▸ **ABOUT THIS EXERCISE**
Once every line below has been checked for "steel", give only the number of lines that have it.

▸ **DATA FOR THIS EXERCISE**

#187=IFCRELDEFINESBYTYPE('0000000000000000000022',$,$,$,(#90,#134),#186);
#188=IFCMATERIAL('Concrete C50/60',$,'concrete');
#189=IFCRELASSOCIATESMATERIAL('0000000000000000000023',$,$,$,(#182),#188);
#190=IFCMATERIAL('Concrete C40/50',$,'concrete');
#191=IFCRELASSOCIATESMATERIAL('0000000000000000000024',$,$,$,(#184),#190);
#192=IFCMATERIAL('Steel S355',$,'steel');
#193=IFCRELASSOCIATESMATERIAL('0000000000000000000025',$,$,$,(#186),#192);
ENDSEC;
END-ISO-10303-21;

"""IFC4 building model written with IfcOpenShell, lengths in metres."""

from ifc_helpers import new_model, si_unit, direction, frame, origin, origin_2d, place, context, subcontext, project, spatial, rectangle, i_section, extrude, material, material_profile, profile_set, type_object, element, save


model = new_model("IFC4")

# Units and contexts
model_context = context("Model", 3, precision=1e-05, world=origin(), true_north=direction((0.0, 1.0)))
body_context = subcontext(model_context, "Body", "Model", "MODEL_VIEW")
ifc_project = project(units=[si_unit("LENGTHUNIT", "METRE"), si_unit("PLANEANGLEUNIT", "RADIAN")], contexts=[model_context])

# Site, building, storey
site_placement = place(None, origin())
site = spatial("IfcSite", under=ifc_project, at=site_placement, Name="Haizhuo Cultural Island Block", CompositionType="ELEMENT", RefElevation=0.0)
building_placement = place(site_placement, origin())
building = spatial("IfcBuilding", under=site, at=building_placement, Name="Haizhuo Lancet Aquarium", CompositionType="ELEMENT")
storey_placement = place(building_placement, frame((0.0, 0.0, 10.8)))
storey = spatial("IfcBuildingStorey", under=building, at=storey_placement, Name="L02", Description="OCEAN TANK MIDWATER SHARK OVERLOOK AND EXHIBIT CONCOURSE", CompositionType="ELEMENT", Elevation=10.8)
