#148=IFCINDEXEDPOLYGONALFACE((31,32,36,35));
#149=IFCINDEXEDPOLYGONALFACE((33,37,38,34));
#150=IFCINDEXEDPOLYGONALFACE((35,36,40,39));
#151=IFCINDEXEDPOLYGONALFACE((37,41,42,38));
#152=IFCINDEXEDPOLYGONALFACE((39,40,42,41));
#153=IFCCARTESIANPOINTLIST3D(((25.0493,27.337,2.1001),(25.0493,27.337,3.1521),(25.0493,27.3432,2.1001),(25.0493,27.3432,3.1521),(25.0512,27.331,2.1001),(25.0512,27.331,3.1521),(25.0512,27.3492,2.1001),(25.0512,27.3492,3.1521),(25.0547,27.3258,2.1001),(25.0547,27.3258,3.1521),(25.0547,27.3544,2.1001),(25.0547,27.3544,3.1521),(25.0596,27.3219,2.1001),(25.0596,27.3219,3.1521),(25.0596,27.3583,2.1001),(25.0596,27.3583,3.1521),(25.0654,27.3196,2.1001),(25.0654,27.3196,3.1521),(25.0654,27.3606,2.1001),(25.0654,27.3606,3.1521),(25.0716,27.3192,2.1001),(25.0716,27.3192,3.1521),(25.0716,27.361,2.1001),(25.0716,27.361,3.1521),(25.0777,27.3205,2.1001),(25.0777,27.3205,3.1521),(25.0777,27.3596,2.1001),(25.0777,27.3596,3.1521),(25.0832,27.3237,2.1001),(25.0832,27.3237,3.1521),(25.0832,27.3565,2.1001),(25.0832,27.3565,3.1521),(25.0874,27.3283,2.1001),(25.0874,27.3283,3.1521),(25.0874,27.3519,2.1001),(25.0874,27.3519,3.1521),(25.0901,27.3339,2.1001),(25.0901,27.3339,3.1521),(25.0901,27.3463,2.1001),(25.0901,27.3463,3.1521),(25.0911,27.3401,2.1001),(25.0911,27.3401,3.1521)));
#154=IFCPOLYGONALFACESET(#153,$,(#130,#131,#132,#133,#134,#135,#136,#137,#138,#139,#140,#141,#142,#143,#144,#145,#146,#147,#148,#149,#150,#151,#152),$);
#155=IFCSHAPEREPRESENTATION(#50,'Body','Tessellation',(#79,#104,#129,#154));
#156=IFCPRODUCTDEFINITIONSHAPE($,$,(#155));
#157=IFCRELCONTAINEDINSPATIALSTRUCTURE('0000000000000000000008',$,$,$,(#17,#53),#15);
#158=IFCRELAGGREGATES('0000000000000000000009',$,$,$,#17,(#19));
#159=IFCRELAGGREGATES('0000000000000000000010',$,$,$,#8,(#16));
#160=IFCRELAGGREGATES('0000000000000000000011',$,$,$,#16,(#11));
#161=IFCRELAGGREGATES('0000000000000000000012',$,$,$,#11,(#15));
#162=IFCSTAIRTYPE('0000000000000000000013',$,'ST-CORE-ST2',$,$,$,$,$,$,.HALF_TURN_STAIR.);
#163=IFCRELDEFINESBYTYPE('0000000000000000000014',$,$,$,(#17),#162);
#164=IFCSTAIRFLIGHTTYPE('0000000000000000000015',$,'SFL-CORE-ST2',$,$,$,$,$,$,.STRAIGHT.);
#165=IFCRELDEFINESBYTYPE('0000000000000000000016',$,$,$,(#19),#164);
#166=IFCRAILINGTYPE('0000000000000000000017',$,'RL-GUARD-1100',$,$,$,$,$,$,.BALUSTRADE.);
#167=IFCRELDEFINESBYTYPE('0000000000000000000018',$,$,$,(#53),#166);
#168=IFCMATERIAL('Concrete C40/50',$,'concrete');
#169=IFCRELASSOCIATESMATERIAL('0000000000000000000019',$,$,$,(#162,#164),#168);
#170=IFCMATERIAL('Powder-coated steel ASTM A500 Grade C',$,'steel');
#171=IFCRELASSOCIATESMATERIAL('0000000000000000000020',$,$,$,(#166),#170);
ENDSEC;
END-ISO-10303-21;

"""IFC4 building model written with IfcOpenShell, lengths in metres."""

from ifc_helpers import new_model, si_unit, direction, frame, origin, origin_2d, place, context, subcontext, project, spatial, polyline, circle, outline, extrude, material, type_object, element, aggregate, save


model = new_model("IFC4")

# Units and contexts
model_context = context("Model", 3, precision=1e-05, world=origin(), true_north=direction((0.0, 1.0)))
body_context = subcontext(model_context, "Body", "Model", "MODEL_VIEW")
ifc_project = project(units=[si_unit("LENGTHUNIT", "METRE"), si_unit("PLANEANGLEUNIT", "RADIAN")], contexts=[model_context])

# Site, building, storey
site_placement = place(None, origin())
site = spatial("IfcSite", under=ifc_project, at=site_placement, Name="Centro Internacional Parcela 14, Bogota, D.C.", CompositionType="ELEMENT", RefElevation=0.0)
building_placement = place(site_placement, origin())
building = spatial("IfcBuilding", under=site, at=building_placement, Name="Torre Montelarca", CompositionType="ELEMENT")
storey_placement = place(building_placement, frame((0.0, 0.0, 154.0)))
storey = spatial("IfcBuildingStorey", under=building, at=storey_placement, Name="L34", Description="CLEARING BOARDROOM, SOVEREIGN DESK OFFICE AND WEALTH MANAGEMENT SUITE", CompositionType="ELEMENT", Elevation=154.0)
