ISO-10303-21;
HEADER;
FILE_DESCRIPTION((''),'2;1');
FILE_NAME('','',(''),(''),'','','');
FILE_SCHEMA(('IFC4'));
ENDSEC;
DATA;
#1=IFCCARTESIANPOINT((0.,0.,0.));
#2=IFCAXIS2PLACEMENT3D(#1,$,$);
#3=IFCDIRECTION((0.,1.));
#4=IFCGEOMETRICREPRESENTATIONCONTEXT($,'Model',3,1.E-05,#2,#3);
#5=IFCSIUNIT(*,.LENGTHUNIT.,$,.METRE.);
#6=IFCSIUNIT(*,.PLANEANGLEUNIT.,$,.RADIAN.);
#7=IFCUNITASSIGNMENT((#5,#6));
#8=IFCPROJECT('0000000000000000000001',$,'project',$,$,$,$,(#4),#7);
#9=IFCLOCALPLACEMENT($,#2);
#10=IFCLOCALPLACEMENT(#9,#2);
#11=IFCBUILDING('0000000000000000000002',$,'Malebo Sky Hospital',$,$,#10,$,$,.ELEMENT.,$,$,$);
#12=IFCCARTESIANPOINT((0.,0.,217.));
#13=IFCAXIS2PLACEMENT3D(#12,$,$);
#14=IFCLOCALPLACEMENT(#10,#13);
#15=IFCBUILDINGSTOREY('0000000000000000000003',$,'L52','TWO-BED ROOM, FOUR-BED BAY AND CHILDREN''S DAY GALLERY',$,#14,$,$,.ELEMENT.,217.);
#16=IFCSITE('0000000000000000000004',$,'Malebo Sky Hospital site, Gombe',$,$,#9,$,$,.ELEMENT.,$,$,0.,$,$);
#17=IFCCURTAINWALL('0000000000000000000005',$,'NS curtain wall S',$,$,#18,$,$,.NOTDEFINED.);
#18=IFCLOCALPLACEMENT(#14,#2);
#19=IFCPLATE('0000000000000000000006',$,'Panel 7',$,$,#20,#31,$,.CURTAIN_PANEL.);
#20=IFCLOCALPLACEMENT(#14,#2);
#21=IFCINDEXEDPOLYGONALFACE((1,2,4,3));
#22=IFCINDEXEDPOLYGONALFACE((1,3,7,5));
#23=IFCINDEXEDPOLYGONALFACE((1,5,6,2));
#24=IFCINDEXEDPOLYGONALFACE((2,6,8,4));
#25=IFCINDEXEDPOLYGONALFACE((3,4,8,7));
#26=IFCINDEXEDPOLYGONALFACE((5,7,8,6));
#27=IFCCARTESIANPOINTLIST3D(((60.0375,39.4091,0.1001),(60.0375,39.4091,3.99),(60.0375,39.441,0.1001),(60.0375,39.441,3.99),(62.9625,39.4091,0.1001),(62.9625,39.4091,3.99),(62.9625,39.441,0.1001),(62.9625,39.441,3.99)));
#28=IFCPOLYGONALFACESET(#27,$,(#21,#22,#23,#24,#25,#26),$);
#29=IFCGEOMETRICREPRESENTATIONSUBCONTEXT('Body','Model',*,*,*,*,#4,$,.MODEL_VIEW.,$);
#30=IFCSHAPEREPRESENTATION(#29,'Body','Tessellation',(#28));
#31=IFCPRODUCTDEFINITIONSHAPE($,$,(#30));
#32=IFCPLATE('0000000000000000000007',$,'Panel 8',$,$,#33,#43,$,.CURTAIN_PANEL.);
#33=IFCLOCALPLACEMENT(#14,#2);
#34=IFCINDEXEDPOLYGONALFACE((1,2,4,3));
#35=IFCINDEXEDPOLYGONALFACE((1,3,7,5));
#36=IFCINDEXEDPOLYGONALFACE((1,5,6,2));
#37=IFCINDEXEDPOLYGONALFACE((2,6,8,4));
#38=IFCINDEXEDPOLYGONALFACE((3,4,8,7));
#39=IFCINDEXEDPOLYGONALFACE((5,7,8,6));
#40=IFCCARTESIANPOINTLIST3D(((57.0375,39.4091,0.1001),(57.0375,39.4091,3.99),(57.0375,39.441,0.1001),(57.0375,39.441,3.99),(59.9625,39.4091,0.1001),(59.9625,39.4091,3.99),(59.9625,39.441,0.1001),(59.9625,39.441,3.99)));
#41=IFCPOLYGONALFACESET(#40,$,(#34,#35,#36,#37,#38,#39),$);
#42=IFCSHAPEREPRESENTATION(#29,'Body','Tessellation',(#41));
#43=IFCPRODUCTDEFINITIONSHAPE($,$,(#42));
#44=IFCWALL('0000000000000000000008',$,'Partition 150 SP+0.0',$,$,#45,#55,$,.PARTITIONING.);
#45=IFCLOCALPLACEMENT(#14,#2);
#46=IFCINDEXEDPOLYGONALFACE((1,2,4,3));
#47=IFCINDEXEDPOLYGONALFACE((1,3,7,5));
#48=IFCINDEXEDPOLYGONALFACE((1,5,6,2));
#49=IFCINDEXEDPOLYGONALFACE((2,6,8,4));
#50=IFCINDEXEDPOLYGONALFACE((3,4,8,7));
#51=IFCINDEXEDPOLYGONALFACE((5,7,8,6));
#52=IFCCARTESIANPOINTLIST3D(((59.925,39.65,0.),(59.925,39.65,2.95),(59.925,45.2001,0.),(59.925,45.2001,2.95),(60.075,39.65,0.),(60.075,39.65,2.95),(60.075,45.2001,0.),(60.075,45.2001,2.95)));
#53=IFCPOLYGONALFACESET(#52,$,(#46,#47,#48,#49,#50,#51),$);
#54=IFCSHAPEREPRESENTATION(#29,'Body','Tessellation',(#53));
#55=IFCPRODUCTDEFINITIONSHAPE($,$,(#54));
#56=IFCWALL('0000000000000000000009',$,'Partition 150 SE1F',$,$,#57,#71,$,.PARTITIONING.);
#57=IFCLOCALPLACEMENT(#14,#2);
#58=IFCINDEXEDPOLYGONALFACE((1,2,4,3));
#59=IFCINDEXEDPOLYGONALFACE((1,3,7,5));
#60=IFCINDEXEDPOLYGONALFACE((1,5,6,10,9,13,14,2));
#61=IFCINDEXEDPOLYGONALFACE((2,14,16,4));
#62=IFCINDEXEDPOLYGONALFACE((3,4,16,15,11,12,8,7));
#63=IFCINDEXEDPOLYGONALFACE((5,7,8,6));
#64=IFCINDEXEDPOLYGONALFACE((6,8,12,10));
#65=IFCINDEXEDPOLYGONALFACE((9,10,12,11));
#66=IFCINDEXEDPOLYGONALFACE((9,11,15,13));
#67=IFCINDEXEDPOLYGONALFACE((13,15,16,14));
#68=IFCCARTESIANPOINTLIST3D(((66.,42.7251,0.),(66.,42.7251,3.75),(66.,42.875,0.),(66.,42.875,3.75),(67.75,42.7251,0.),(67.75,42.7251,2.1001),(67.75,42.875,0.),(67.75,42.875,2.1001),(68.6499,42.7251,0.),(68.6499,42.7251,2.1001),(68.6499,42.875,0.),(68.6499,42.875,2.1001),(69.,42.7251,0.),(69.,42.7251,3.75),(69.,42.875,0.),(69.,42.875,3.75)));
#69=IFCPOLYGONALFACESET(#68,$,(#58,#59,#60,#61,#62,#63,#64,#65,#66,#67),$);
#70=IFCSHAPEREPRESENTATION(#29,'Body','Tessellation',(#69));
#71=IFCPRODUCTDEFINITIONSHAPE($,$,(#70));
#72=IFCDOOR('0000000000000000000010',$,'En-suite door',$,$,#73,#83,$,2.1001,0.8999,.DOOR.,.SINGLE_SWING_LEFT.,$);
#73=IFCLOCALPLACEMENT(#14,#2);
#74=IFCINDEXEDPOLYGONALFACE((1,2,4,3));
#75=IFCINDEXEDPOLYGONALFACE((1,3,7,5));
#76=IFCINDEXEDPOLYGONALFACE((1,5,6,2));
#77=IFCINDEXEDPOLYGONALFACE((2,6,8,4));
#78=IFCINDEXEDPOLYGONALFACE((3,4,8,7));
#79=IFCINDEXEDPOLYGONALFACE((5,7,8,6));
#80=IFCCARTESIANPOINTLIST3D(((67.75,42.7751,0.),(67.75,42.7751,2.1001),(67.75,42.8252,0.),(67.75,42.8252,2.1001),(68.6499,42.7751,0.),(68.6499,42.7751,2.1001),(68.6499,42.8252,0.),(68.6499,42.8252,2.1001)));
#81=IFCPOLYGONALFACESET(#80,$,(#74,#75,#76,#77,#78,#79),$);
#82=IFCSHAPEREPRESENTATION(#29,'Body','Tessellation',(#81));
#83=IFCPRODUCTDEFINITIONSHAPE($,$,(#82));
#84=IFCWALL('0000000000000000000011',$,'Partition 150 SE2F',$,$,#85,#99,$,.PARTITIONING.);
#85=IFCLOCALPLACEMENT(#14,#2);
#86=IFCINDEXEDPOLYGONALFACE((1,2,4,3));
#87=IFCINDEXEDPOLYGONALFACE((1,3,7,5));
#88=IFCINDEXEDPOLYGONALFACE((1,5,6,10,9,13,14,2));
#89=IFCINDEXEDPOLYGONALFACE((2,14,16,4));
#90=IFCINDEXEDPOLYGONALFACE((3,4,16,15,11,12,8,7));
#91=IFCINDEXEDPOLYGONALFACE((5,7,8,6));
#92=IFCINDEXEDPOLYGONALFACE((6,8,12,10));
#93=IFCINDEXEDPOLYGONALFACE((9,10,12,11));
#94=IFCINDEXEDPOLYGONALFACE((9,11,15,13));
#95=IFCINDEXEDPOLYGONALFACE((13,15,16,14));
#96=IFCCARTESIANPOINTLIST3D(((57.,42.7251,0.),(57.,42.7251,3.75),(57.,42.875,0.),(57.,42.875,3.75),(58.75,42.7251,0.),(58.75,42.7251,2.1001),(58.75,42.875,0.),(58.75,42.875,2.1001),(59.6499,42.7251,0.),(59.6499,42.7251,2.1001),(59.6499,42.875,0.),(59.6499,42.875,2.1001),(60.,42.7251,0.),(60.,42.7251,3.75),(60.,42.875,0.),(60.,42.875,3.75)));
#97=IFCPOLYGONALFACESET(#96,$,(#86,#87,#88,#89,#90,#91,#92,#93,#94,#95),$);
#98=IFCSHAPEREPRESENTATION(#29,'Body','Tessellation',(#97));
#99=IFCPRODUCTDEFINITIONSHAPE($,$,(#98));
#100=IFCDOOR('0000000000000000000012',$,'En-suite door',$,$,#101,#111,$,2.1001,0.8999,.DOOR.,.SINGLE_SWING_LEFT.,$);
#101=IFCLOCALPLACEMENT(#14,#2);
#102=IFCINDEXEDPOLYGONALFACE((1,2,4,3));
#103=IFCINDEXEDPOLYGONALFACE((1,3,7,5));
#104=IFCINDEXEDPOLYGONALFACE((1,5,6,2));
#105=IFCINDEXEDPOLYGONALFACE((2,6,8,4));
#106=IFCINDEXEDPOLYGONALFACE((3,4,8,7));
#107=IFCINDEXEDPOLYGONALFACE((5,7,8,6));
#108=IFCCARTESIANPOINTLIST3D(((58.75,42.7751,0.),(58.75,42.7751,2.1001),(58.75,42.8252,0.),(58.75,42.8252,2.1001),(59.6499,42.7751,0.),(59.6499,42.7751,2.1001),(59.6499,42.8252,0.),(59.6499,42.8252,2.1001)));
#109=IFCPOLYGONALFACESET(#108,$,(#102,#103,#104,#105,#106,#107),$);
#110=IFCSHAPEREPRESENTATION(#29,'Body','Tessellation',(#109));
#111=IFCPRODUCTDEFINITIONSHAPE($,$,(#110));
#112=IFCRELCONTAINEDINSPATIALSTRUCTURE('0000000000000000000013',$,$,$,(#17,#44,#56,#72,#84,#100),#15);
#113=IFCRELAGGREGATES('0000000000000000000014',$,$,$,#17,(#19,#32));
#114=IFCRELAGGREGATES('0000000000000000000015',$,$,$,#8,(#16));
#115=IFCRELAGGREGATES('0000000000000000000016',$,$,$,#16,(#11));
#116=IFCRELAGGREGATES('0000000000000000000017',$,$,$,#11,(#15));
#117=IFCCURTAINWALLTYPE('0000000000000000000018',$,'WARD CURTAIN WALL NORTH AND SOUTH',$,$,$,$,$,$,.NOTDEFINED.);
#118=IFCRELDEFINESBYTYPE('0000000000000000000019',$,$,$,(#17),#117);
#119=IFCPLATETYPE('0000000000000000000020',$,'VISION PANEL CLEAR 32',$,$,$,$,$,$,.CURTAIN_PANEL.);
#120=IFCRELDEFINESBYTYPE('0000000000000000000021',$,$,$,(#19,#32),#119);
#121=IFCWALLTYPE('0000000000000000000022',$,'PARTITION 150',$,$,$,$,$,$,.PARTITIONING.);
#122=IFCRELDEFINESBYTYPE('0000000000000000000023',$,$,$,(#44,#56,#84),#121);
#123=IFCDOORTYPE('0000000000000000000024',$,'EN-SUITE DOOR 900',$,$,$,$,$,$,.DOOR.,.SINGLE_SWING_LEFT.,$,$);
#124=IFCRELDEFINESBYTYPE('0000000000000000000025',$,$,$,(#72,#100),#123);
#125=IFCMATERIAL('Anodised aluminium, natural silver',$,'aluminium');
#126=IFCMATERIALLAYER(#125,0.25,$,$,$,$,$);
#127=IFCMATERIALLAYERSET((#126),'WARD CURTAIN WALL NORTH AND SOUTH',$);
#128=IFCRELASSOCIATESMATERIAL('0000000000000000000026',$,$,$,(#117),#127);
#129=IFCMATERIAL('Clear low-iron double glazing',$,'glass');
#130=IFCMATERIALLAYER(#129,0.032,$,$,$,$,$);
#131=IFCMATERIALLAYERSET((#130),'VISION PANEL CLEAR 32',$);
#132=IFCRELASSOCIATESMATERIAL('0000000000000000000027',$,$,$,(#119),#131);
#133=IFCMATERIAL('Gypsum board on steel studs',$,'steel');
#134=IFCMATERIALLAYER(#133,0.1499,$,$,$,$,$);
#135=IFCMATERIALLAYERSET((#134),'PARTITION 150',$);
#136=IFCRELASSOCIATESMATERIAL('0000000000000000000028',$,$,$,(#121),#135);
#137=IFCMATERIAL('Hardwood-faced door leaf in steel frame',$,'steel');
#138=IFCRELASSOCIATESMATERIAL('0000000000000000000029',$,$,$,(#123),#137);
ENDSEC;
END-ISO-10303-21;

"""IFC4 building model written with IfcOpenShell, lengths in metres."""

from ifc_helpers import new_model, si_unit, direction, frame, frame_2d, origin, origin_2d, place, context, subcontext, project, spatial, rectangle, extrude, material, layer, layer_set, type_object, element, fill, aggregate, save


model = new_model("IFC4")

# Units and contexts
model_context = context("Model", 3, precision=1e-05, world=origin(), true_north=direction((0.0, 1.0)))
body_context = subcontext(model_context, "Body", "Model", "MODEL_VIEW")
ifc_project = project(units=[si_unit("LENGTHUNIT", "METRE"), si_unit("PLANEANGLEUNIT", "RADIAN")], contexts=[model_context])

# Site, building, storey
site_placement = place(None, origin())
site = spatial("IfcSite", under=ifc_project, at=site_placement, Name="Malebo Sky Hospital site, Gombe", CompositionType="ELEMENT", RefElevation=0.0)
building_placement = place(site_placement, origin())
building = spatial("IfcBuilding", under=site, at=building_placement, Name="Malebo Sky Hospital", CompositionType="ELEMENT")
storey_placement = place(building_placement, frame((0.0, 0.0, 217.0)))
storey = spatial("IfcBuildingStorey", under=building, at=storey_placement, Name="L52", Description="TWO-BED ROOM, FOUR-BED BAY AND CHILDREN'S DAY GALLERY", CompositionType="ELEMENT", Elevation=217.0)

# Curtain wall
ifc_material_1 = material(Name="Anodised aluminium, natural silver", Category="aluminium")
ifc_layer_1 = layer(ifc_material_1, 0.25)
ifc_layer_set_1 = layer_set([ifc_layer_1], Name="WARD CURTAIN WALL NORTH AND SOUTH")
curtain_wall_type = type_object("IfcCurtainWallType", Name="WARD CURTAIN WALL NORTH AND SOUTH", PredefinedType="NOTDEFINED", material=ifc_layer_set_1)
curtain_wall_placement = place(storey_placement, origin())
curtain_wall = element("IfcCurtainWall", 1, at=curtain_wall_placement, inside=storey, type_object=curtain_wall_type, Name="NS curtain wall S", PredefinedType="NOTDEFINED")

# Plates
ifc_material_2 = material(Name="Clear low-iron double glazing", Category="glass")
ifc_layer_2 = layer(ifc_material_2, 0.032)
ifc_layer_set_2 = layer_set([ifc_layer_2], Name="VISION PANEL CLEAR 32")
plate_type = type_object("IfcPlateType", Name="VISION PANEL CLEAR 32", PredefinedType="CURTAIN_PANEL", material=ifc_layer_set_2)
plate_1_placement = place(storey_placement, frame((61.5, 39.425, 0.1001), z_axis=(0.0, 0.0, 1.0), x_axis=(-1.0, 0.0, 0.0)))
plate_1 = element("IfcPlate", 2, at=plate_1_placement, type_object=plate_type, Name="Panel 7", PredefinedType="CURTAIN_PANEL", context=body_context, shape_type="SweptSolid", body=[
    extrude(rectangle(XDim=2.925, YDim=0.032, at=origin_2d()), origin(), (0.0, 0.0, 1.0), 3.8899),
])
plate_2_placement = place(storey_placement, frame((58.5, 39.425, 0.1001), z_axis=(0.0, 0.0, 1.0), x_axis=(-1.0, 0.0, 0.0)))
plate_2 = element("IfcPlate", 3, at=plate_2_placement, type_object=plate_type, Name="Panel 8", PredefinedType="CURTAIN_PANEL", context=body_context, shape_type="SweptSolid", body=[
    extrude(rectangle(XDim=2.925, YDim=0.032, at=origin_2d()), origin(), (0.0, 0.0, 1.0), 3.8899),
])
aggregate(curtain_wall, [plate_1, plate_2])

▸ **RESULT**
4